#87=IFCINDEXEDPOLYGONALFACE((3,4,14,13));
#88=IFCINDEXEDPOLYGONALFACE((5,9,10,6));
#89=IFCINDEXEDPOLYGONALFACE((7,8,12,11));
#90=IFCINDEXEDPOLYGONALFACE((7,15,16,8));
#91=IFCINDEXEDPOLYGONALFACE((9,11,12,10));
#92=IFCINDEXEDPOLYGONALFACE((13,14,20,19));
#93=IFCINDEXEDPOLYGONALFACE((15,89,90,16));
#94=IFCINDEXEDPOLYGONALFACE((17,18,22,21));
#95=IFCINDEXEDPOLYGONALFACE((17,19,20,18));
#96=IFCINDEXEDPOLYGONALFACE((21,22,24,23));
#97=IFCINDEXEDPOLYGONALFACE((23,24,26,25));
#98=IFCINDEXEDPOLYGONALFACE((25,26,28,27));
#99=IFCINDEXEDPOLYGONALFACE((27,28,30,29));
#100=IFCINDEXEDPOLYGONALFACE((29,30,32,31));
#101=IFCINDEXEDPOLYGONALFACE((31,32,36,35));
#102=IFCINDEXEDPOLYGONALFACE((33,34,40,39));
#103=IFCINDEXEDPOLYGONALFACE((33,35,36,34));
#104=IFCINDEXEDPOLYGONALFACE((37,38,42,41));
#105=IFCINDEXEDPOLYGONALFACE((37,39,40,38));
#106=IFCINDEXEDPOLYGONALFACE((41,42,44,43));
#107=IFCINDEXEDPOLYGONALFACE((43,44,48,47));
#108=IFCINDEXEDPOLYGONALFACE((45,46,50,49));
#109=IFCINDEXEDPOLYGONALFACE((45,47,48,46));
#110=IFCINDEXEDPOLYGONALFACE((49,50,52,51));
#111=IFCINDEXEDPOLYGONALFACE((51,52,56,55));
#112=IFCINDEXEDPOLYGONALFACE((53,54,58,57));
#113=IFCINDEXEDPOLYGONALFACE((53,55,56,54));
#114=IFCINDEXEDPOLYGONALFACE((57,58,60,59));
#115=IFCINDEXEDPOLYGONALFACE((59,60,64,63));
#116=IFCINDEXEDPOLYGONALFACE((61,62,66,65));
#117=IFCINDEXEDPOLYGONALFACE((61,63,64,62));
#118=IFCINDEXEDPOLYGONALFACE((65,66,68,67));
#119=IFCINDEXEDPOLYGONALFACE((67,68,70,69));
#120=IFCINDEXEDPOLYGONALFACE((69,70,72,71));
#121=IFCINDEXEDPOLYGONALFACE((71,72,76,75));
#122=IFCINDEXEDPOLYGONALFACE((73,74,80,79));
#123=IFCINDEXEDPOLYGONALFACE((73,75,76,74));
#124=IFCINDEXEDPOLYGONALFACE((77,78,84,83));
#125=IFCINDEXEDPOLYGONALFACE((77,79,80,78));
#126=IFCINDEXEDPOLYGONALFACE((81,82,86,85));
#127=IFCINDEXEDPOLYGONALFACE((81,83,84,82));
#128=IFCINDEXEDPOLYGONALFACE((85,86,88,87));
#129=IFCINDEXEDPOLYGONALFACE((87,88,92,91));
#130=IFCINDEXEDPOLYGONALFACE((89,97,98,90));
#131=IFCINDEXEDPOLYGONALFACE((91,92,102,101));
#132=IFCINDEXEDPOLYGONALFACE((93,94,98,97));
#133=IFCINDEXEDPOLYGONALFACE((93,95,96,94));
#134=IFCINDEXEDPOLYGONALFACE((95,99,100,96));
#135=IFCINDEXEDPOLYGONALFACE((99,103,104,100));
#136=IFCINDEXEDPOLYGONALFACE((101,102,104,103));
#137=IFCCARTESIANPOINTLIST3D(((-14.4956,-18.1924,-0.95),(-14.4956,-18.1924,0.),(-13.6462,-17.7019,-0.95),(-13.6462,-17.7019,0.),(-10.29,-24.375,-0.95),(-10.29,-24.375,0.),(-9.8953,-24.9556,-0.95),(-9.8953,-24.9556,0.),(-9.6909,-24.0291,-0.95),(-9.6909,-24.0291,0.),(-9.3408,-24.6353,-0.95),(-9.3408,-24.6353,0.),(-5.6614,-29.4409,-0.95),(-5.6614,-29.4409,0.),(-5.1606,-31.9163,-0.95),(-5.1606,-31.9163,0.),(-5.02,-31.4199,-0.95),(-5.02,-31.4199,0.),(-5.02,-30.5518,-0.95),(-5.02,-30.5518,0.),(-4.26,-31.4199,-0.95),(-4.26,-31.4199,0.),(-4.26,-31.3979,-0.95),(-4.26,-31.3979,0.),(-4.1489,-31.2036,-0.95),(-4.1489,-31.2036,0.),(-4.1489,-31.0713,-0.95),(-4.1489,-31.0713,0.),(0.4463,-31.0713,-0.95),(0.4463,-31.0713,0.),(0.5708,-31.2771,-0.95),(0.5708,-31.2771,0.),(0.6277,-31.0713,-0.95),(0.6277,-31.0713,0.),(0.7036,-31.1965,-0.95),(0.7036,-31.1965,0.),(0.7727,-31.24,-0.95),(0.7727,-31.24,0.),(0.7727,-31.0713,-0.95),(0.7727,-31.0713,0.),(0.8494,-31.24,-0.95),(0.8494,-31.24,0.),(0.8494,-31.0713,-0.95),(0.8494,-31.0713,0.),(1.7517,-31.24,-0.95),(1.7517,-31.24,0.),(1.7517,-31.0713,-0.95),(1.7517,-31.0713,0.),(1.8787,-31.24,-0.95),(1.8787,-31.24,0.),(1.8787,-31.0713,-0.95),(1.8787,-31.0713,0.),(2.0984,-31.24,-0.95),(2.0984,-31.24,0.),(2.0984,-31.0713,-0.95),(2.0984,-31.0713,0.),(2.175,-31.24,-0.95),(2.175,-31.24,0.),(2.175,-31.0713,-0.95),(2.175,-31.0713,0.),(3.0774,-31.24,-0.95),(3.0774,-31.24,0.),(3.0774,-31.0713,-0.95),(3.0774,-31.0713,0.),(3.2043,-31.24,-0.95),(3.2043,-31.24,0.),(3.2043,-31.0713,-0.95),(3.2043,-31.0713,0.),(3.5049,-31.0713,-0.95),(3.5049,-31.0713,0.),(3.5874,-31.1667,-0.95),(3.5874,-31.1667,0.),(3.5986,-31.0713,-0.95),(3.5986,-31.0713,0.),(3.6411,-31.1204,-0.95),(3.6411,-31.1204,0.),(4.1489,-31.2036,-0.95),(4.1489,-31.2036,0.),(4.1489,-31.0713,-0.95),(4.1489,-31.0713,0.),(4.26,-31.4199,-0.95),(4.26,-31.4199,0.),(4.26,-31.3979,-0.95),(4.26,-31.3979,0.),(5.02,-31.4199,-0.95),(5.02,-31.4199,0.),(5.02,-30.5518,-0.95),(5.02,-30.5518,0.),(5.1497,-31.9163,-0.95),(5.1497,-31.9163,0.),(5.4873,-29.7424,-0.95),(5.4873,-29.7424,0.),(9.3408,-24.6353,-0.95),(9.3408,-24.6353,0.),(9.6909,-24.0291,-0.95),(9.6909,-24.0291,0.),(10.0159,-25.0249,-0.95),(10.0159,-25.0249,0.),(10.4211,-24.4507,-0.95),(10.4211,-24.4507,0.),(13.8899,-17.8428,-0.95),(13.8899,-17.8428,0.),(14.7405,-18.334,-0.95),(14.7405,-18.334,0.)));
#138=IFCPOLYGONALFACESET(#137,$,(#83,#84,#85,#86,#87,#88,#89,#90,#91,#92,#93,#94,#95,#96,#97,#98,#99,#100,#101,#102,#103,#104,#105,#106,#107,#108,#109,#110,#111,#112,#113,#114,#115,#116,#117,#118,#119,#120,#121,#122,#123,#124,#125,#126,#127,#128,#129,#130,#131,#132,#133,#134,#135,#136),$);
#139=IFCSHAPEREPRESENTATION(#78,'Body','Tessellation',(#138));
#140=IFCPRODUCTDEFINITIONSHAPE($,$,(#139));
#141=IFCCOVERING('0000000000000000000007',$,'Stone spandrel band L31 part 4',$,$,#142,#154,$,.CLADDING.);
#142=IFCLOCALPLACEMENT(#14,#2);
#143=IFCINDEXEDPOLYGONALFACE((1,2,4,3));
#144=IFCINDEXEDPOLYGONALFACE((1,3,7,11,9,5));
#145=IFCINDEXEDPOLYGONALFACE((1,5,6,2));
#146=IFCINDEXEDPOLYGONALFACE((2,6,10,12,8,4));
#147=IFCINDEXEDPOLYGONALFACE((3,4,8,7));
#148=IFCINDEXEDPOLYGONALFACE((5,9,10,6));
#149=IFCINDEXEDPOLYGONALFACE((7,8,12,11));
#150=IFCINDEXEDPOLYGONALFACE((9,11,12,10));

┄┄┄┄┄┄┄┄┄┄┄┄┄┄┄┄┄┄┄┄

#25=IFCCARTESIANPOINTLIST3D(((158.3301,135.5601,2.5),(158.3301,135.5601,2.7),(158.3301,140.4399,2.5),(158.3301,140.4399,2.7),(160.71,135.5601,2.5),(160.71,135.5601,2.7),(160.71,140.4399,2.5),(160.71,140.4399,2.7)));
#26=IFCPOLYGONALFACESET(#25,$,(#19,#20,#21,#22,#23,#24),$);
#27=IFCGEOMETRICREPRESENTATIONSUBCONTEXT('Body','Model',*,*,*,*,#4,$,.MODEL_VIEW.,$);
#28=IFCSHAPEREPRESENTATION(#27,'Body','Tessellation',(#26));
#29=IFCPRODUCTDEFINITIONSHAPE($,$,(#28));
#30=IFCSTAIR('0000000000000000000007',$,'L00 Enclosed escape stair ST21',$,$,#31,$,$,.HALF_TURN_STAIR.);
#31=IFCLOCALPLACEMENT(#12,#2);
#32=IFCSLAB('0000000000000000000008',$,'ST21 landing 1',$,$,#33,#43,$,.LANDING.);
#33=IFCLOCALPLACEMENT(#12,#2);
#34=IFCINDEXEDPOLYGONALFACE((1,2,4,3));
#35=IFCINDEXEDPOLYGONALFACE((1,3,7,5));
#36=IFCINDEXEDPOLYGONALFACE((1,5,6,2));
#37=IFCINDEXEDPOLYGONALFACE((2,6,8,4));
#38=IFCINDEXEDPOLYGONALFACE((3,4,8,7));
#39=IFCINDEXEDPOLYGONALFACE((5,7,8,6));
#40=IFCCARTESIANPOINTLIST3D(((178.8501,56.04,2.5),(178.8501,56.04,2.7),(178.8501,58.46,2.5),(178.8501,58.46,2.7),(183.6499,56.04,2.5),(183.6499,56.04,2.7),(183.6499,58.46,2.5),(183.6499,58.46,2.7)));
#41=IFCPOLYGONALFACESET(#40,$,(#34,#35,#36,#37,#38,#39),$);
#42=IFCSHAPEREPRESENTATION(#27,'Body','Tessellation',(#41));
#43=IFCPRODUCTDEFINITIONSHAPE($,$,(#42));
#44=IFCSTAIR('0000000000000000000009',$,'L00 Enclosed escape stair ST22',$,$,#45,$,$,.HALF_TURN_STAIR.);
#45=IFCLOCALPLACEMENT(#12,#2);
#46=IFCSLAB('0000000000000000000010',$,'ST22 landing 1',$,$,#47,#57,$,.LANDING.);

┄┄┄┄┄┄┄┄┄┄┄┄┄┄┄┄┄┄┄┄

= TASK =
Copy out the lines above exactly, beginning at the one that contains "#28=IFCSHAPEREPRESENTATION(#27,'Body','Tessellation',(#26));" and ending at the one that contains "#34=IFCINDEXEDPOLYGONALFACE((1,2,4,3));".

= OUTPUT OF THE TASK =
#28=IFCSHAPEREPRESENTATION(#27,'Body','Tessellation',(#26));
#29=IFCPRODUCTDEFINITIONSHAPE($,$,(#28));
#30=IFCSTAIR('0000000000000000000007',$,'L00 Enclosed escape stair ST21',$,$,#31,$,$,.HALF_TURN_STAIR.);
#31=IFCLOCALPLACEMENT(#12,#2);
#32=IFCSLAB('0000000000000000000008',$,'ST21 landing 1',$,$,#33,#43,$,.LANDING.);
#33=IFCLOCALPLACEMENT(#12,#2);
#34=IFCINDEXEDPOLYGONALFACE((1,2,4,3));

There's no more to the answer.